= INSTRUCTIONS TO FOLLOW =
Tell how many lines of the material below hold "Core". The reply is that number alone.

═════ EXERCISE MATERIALS

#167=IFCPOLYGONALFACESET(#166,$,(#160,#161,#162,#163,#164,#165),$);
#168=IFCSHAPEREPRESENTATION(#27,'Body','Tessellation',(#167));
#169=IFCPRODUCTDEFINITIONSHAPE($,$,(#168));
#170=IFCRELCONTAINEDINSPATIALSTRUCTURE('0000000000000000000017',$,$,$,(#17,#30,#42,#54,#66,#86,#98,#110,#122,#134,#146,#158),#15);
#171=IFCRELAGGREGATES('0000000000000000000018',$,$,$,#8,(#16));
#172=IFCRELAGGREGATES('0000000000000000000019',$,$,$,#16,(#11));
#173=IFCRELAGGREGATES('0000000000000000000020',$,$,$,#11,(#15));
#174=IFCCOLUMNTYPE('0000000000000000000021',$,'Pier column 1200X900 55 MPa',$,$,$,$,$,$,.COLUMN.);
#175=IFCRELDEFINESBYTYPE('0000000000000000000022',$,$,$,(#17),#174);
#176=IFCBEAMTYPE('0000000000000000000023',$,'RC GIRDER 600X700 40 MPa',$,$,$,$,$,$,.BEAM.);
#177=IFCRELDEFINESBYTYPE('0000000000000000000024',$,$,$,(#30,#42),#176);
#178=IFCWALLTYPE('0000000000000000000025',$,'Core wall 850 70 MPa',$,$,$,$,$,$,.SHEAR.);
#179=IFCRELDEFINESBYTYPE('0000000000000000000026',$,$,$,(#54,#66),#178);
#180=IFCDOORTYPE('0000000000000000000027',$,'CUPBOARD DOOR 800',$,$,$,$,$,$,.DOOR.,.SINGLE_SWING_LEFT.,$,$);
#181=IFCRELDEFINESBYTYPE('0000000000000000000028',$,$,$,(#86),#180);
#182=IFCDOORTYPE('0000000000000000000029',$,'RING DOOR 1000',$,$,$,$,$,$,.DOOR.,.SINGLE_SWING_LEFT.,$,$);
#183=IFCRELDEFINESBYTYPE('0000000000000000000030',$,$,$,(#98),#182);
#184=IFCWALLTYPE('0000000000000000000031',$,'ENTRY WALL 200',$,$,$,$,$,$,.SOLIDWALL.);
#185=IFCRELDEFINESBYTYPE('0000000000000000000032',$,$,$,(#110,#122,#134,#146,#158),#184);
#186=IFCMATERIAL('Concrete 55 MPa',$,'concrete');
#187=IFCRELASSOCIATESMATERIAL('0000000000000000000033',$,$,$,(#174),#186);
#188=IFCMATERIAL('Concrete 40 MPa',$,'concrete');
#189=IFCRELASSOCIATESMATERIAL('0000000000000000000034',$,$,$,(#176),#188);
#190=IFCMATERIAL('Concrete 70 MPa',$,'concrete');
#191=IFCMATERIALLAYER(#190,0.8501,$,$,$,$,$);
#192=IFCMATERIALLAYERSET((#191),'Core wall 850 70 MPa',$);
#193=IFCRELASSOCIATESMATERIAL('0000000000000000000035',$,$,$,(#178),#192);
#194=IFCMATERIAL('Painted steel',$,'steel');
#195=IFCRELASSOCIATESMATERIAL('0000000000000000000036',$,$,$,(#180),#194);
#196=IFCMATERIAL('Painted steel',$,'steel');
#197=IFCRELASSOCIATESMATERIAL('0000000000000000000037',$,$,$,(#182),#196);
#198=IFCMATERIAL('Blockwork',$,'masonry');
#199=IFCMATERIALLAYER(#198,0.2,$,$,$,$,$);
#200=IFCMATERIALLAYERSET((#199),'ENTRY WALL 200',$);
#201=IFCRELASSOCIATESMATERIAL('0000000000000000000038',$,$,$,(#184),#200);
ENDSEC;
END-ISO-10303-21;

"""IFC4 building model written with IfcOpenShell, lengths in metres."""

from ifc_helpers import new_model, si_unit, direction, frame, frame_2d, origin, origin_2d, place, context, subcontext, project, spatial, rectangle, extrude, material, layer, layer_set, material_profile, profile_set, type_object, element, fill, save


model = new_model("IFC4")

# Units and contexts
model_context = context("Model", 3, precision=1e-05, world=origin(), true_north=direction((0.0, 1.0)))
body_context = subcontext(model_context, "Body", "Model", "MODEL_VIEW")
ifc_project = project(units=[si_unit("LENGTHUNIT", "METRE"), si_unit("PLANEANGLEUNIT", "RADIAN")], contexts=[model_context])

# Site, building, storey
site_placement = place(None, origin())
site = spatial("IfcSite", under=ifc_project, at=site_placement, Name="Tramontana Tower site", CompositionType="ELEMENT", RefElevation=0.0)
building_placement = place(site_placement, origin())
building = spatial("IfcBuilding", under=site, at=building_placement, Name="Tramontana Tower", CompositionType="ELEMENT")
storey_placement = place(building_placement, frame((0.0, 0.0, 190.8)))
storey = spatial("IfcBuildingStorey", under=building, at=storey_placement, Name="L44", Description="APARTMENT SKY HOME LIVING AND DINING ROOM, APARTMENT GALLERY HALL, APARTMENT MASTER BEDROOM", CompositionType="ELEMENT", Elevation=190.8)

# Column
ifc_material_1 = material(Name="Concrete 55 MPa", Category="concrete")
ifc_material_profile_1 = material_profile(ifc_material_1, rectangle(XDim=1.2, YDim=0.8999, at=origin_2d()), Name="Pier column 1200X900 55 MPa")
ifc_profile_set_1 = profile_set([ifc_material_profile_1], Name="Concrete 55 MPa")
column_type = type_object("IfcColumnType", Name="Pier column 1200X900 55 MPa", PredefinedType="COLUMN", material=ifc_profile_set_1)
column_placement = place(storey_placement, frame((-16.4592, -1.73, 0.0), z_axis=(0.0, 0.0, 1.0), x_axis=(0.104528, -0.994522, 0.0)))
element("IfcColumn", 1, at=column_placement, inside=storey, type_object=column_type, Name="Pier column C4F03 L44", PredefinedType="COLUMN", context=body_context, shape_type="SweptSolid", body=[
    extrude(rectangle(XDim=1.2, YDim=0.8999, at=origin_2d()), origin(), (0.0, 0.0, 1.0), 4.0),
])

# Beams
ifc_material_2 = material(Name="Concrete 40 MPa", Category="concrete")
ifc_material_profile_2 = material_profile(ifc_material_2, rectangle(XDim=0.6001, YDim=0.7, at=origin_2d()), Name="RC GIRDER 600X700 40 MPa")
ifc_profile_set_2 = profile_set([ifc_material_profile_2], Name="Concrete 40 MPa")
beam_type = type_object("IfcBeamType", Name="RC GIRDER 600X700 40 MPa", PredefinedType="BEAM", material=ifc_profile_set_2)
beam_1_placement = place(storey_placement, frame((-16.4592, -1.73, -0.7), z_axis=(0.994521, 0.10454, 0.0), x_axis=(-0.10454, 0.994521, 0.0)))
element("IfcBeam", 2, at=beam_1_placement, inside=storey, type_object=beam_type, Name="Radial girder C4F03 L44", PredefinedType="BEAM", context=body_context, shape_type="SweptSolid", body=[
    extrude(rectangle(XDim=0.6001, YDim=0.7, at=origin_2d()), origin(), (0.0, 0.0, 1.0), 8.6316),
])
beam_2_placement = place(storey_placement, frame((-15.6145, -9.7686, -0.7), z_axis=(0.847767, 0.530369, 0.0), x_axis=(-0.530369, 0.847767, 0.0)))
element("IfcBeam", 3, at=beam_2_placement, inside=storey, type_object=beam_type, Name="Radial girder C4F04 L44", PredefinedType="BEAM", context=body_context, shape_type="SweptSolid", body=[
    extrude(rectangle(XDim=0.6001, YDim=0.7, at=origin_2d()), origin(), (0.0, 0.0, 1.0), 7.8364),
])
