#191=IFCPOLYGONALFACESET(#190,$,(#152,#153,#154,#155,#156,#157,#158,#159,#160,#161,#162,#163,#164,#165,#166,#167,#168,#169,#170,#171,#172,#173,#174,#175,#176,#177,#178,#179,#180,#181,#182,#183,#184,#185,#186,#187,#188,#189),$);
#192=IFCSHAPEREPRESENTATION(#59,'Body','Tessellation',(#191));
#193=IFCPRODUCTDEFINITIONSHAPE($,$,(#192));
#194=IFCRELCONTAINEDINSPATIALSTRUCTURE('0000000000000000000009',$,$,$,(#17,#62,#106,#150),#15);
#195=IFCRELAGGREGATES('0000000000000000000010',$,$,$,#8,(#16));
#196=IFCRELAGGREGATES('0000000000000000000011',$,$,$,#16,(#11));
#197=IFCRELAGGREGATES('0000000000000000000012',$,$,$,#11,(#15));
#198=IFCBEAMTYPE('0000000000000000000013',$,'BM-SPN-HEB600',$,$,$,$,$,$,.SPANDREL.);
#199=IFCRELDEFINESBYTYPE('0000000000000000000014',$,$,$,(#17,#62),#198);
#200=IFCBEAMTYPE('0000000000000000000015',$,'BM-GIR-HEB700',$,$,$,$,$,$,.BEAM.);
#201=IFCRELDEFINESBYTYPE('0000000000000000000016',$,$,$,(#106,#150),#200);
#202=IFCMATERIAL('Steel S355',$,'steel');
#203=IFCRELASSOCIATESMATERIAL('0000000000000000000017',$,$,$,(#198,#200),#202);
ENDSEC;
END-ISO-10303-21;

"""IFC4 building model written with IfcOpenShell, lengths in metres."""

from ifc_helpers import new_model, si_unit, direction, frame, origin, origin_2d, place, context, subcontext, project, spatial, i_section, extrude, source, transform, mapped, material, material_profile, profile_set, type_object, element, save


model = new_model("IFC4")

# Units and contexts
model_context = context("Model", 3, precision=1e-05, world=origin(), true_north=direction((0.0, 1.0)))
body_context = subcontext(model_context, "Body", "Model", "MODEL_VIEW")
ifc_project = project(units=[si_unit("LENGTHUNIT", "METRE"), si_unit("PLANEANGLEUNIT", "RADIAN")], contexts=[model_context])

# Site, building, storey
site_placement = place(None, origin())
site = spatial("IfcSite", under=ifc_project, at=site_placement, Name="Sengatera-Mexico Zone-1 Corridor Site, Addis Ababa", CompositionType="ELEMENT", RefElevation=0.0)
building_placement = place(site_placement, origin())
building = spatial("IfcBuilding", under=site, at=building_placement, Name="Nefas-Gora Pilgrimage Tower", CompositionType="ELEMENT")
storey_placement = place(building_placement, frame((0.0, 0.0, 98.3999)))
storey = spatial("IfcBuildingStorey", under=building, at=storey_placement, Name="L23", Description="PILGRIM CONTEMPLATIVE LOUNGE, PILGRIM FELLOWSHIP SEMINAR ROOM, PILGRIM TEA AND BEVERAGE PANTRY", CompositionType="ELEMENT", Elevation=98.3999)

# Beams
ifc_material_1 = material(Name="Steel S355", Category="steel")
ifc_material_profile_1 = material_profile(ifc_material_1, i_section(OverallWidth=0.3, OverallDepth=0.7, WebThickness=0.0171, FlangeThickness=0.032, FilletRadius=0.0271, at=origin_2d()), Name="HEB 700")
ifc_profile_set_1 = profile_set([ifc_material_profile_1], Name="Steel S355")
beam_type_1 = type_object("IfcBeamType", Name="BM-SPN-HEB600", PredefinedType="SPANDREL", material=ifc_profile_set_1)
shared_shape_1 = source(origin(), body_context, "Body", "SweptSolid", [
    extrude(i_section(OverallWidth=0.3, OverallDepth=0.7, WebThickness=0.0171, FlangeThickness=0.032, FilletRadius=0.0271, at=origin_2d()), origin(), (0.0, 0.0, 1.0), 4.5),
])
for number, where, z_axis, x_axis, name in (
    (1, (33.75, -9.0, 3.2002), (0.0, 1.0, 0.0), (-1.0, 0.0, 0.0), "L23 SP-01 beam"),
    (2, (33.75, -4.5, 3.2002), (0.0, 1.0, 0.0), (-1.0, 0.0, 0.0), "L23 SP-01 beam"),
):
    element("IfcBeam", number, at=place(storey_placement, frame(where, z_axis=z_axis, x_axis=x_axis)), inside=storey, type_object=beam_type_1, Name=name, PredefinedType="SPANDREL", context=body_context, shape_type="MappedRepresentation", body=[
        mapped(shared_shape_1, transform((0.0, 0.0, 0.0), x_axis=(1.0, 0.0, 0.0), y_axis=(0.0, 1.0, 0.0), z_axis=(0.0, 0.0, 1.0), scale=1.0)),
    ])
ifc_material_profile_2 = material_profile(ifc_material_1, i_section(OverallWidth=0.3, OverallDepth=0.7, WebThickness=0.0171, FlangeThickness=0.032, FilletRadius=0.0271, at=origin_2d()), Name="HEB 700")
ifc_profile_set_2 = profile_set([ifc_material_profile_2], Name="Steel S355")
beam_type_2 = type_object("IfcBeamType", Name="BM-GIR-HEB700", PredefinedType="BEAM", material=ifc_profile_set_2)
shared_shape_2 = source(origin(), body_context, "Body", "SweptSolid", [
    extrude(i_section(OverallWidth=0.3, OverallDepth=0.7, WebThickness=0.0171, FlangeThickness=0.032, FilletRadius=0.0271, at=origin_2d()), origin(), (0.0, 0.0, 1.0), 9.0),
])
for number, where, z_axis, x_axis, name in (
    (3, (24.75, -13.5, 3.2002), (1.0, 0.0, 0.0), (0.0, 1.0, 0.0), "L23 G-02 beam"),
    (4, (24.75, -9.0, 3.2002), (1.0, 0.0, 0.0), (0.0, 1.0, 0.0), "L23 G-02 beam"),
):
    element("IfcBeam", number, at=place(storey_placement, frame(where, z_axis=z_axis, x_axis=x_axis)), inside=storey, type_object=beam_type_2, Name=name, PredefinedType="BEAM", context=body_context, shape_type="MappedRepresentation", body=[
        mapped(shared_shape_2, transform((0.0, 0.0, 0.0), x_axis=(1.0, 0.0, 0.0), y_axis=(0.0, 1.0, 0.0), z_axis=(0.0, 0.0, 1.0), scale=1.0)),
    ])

══════════

= YOUR RESPONSE =
2